Work required: Look for "IFCRELAGGREGATES" in the listing below. Gather each line that contains it.

Records for the exercise:
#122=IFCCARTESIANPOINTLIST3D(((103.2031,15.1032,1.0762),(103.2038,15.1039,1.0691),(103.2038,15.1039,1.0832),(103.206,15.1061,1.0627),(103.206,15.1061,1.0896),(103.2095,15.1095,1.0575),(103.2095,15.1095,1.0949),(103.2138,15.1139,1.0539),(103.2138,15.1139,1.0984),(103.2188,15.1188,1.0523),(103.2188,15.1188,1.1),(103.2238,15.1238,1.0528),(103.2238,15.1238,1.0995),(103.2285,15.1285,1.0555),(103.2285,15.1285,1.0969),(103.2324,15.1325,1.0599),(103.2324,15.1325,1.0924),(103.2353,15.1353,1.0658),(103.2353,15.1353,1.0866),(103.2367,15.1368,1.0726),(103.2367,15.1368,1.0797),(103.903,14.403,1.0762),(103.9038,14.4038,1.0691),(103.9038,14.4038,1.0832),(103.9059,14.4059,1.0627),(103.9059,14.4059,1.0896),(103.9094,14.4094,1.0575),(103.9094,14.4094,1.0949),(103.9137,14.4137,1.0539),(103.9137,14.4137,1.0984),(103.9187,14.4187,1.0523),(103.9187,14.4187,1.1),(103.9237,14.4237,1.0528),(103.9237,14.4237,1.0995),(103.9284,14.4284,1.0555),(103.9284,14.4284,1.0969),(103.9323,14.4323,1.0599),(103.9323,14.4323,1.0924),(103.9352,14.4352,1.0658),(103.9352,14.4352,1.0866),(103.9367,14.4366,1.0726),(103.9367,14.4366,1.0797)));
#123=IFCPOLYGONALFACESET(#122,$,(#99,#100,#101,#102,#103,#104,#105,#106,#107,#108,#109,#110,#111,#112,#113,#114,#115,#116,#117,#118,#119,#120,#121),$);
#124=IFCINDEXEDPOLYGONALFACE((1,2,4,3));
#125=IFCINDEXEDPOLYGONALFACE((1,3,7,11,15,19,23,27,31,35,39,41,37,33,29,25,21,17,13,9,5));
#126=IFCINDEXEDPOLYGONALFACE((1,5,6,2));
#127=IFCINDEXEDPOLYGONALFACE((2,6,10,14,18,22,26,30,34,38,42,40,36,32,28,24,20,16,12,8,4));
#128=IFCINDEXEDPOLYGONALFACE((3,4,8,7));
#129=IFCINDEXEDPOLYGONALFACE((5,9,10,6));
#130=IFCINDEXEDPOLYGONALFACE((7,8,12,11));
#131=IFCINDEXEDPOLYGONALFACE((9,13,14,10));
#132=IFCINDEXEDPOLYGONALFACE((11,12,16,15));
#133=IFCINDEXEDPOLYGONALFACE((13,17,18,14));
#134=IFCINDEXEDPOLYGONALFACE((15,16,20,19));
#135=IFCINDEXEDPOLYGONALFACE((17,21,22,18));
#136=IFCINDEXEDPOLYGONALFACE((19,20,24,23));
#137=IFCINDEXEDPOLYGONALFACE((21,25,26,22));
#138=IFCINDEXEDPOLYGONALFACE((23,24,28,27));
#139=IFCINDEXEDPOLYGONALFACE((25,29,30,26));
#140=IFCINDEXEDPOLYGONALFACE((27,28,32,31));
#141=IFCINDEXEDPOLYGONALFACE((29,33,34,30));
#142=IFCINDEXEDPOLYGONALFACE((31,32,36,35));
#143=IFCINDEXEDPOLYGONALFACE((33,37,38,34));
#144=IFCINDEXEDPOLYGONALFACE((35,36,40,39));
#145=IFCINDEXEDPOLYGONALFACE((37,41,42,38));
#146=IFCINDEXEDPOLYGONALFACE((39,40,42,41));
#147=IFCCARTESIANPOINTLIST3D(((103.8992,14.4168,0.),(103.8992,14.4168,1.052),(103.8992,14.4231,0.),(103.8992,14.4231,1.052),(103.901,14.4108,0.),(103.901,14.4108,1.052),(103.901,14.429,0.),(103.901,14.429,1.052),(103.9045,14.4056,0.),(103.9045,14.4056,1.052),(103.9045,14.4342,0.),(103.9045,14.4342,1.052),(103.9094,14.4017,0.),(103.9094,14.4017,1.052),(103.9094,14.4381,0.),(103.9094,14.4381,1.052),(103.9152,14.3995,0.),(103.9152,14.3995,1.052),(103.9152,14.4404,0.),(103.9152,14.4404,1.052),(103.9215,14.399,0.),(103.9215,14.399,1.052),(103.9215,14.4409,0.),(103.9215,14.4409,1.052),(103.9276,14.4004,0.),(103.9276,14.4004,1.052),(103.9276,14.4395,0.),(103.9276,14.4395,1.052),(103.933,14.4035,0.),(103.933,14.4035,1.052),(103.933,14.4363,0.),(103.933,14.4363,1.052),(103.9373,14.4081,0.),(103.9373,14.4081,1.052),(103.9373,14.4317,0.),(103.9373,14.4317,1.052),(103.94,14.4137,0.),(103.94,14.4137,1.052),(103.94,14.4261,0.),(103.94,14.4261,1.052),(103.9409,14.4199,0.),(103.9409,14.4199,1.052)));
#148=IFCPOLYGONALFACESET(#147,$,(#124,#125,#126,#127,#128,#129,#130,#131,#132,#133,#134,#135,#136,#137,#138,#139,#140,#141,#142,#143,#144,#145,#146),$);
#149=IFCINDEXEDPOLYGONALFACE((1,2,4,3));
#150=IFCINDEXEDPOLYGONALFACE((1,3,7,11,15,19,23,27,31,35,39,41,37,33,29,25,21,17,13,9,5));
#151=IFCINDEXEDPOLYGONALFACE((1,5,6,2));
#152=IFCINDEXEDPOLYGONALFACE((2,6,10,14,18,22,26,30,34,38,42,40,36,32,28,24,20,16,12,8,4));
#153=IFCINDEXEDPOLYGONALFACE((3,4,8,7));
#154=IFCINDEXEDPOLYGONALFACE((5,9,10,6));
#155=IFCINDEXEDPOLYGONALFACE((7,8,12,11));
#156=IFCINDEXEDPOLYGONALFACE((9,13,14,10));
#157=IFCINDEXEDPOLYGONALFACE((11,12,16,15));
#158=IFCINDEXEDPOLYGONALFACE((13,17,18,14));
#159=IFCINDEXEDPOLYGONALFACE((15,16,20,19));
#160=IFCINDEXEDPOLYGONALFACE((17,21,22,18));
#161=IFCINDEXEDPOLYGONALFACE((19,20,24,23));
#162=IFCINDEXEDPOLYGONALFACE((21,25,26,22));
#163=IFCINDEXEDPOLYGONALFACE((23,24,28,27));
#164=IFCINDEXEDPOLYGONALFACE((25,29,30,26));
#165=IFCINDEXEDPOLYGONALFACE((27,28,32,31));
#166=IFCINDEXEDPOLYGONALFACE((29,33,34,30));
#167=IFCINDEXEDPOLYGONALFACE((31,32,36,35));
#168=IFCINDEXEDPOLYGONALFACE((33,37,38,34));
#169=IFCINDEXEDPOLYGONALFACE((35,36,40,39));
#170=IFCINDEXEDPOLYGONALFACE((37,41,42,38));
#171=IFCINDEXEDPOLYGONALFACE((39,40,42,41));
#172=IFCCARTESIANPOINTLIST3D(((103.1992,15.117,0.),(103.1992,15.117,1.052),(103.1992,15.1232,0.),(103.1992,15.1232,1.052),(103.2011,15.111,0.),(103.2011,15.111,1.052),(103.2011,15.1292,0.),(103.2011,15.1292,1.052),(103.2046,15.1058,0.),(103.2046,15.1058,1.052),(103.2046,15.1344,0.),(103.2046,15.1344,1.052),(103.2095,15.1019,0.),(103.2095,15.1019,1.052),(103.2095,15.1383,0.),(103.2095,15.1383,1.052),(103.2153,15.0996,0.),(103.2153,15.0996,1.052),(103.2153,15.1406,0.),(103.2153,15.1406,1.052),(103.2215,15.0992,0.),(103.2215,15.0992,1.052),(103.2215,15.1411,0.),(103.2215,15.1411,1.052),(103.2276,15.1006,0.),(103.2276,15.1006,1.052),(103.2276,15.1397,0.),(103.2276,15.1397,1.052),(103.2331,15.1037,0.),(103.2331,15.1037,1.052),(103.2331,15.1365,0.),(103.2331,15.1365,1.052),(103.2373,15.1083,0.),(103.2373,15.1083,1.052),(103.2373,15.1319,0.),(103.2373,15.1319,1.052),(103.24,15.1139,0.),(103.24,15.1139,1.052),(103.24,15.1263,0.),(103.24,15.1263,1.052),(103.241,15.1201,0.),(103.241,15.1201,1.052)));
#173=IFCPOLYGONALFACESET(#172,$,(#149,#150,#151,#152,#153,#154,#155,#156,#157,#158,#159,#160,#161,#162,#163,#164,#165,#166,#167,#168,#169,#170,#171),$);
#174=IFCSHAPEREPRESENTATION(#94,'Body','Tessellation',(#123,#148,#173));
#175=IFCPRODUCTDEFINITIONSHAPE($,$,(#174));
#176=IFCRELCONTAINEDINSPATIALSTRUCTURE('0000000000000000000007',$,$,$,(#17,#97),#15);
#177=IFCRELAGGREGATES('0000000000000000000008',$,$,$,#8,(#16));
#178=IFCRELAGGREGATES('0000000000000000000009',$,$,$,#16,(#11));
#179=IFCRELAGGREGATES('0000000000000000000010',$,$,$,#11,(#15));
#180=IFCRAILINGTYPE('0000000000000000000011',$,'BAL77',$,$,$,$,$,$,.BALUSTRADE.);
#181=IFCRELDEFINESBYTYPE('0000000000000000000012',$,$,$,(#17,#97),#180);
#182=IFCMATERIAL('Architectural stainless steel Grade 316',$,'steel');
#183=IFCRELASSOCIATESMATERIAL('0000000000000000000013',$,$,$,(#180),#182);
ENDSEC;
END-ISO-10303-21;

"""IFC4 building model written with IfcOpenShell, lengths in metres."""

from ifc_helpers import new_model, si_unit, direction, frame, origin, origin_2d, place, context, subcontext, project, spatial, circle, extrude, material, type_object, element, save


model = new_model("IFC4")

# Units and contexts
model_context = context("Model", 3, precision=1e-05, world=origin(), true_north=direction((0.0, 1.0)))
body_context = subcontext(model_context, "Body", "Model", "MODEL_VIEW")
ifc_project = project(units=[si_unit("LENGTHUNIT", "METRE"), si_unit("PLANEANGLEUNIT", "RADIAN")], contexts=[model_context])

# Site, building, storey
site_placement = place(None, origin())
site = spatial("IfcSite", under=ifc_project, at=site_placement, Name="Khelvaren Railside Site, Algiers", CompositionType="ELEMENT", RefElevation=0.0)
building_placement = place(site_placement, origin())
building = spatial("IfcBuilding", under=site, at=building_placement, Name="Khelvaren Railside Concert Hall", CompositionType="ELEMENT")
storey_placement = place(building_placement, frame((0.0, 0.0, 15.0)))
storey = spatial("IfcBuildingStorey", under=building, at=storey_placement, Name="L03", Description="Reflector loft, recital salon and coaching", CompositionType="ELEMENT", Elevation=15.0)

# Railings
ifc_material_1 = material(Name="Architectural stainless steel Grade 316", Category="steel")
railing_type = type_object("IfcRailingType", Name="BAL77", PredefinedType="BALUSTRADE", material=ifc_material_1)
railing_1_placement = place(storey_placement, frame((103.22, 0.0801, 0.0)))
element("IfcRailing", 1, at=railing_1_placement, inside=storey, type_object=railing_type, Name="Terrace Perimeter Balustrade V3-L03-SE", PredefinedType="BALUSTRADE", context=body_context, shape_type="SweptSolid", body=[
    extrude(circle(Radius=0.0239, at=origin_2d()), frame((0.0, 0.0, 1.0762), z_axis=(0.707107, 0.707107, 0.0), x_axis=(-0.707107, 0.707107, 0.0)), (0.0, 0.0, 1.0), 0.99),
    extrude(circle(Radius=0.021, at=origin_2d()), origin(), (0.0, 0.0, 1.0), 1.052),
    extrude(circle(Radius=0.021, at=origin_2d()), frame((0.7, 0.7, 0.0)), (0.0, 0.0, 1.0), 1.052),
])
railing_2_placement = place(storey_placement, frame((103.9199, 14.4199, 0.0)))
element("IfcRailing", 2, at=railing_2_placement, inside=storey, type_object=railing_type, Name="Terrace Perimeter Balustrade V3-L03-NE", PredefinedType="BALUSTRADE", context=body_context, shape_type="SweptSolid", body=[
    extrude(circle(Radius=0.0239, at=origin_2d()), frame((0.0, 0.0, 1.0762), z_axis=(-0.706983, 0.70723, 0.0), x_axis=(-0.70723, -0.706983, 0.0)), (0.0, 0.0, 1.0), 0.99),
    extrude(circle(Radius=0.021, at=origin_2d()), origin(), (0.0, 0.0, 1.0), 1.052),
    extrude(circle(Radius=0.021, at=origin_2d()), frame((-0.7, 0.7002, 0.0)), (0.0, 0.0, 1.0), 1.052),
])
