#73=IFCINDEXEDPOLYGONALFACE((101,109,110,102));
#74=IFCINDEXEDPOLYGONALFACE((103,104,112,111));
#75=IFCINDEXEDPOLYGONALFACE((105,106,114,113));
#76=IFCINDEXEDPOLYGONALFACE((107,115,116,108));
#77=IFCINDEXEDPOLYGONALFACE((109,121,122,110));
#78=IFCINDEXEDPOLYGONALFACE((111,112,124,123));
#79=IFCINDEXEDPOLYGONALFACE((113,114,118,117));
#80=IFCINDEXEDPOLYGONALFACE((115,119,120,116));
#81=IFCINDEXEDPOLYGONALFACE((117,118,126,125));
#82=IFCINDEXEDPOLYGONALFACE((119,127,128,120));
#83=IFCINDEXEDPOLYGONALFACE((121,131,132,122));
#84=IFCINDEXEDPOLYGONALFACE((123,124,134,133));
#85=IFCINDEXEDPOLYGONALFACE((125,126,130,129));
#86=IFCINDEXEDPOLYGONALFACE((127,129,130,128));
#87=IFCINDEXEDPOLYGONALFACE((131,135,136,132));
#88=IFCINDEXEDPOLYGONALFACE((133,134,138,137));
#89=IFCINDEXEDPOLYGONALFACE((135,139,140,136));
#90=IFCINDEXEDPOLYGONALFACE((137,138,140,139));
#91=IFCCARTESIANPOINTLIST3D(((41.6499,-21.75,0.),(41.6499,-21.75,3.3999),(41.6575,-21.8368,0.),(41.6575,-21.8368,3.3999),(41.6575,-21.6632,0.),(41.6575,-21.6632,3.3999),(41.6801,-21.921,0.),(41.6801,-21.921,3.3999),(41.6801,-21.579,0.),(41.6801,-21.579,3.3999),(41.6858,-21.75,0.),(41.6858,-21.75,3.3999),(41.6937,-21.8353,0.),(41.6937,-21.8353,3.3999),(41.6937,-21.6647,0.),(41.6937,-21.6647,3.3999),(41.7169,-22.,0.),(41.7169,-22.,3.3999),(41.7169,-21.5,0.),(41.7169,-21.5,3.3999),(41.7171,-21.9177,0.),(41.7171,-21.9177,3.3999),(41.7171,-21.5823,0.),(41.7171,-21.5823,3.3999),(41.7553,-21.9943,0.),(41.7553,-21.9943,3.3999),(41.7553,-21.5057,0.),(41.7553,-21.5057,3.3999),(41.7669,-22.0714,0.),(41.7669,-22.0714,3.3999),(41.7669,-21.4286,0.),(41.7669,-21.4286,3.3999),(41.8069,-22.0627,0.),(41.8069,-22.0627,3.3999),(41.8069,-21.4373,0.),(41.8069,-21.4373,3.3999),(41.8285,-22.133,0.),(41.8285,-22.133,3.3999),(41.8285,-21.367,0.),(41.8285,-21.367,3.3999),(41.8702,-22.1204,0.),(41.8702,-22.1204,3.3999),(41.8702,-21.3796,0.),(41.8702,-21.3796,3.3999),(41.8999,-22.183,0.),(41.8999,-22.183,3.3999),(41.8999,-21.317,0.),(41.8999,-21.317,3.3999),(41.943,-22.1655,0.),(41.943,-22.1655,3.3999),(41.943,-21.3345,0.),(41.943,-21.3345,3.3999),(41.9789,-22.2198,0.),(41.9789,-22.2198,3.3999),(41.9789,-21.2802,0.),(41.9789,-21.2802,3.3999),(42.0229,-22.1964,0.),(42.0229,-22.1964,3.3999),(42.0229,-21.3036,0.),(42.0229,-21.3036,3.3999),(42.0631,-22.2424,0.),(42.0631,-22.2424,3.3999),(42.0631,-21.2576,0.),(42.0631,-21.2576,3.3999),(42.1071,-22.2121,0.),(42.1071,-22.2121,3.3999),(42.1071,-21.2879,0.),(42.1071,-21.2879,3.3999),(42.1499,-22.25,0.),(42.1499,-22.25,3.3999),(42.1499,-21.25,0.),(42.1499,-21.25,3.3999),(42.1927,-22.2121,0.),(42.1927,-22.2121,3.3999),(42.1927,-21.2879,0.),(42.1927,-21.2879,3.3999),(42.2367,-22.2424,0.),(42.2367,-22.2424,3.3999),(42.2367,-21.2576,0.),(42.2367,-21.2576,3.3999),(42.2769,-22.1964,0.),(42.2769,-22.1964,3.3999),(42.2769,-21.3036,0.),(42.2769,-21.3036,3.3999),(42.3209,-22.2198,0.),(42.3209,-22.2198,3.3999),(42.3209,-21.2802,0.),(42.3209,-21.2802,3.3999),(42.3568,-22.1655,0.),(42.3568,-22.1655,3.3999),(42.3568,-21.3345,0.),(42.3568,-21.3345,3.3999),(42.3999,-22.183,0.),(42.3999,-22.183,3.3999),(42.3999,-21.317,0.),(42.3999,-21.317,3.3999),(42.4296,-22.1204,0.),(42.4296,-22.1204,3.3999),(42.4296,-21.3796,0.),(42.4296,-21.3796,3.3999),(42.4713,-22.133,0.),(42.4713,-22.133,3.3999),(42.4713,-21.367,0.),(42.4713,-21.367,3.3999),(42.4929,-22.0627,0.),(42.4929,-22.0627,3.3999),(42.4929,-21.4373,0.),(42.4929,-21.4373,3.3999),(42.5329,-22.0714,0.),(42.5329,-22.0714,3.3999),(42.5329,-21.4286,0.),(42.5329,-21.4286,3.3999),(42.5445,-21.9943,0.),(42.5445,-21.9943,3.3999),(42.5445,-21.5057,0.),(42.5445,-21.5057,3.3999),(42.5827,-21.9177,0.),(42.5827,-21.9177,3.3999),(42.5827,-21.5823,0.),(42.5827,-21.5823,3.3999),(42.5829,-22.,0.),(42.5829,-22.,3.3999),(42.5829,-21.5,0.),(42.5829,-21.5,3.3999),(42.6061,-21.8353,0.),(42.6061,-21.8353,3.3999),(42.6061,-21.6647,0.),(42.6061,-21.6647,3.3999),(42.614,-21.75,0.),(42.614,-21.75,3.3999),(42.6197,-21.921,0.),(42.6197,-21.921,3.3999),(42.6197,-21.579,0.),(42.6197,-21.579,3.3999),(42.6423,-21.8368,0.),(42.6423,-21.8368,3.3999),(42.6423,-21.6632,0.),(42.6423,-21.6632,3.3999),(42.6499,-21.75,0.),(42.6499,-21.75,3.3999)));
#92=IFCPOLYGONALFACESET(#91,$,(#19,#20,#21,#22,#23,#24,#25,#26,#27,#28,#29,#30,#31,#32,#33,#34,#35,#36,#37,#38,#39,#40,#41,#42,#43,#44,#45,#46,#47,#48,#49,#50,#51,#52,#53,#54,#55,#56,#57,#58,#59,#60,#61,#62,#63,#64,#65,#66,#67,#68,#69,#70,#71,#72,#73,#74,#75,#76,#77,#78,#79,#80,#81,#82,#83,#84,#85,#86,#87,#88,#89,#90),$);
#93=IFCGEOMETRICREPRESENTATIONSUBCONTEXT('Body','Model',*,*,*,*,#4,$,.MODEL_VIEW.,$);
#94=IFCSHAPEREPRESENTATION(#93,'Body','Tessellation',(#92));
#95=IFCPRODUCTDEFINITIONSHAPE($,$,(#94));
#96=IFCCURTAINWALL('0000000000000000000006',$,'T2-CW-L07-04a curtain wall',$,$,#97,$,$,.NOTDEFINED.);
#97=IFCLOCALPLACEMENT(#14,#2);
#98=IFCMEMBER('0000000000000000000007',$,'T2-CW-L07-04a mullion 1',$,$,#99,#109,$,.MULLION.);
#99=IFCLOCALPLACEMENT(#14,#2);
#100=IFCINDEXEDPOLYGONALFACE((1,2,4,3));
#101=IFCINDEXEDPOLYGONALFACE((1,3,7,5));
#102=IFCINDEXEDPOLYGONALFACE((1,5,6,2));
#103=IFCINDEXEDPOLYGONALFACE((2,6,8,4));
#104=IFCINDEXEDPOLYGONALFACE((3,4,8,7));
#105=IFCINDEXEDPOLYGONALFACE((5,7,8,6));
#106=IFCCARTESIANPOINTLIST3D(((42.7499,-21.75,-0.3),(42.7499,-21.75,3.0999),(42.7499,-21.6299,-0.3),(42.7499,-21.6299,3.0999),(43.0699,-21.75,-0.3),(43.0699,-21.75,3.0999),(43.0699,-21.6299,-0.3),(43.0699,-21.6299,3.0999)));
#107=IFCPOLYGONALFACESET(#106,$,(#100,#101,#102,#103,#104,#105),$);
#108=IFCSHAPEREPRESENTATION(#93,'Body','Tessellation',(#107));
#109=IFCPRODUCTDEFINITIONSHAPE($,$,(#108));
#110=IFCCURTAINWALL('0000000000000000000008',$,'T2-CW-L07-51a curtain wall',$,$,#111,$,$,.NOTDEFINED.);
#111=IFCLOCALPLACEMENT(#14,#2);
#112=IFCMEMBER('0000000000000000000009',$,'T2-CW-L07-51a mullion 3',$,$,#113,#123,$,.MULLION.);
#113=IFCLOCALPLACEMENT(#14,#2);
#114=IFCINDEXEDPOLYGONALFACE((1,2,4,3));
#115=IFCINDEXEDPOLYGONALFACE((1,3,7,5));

Answer box:
#177=IFCRELAGGREGATES('0000000000000000000008',$,$,$,#8,(#16));
#178=IFCRELAGGREGATES('0000000000000000000009',$,$,$,#16,(#11));
#179=IFCRELAGGREGATES('0000000000000000000010',$,$,$,#11,(#15));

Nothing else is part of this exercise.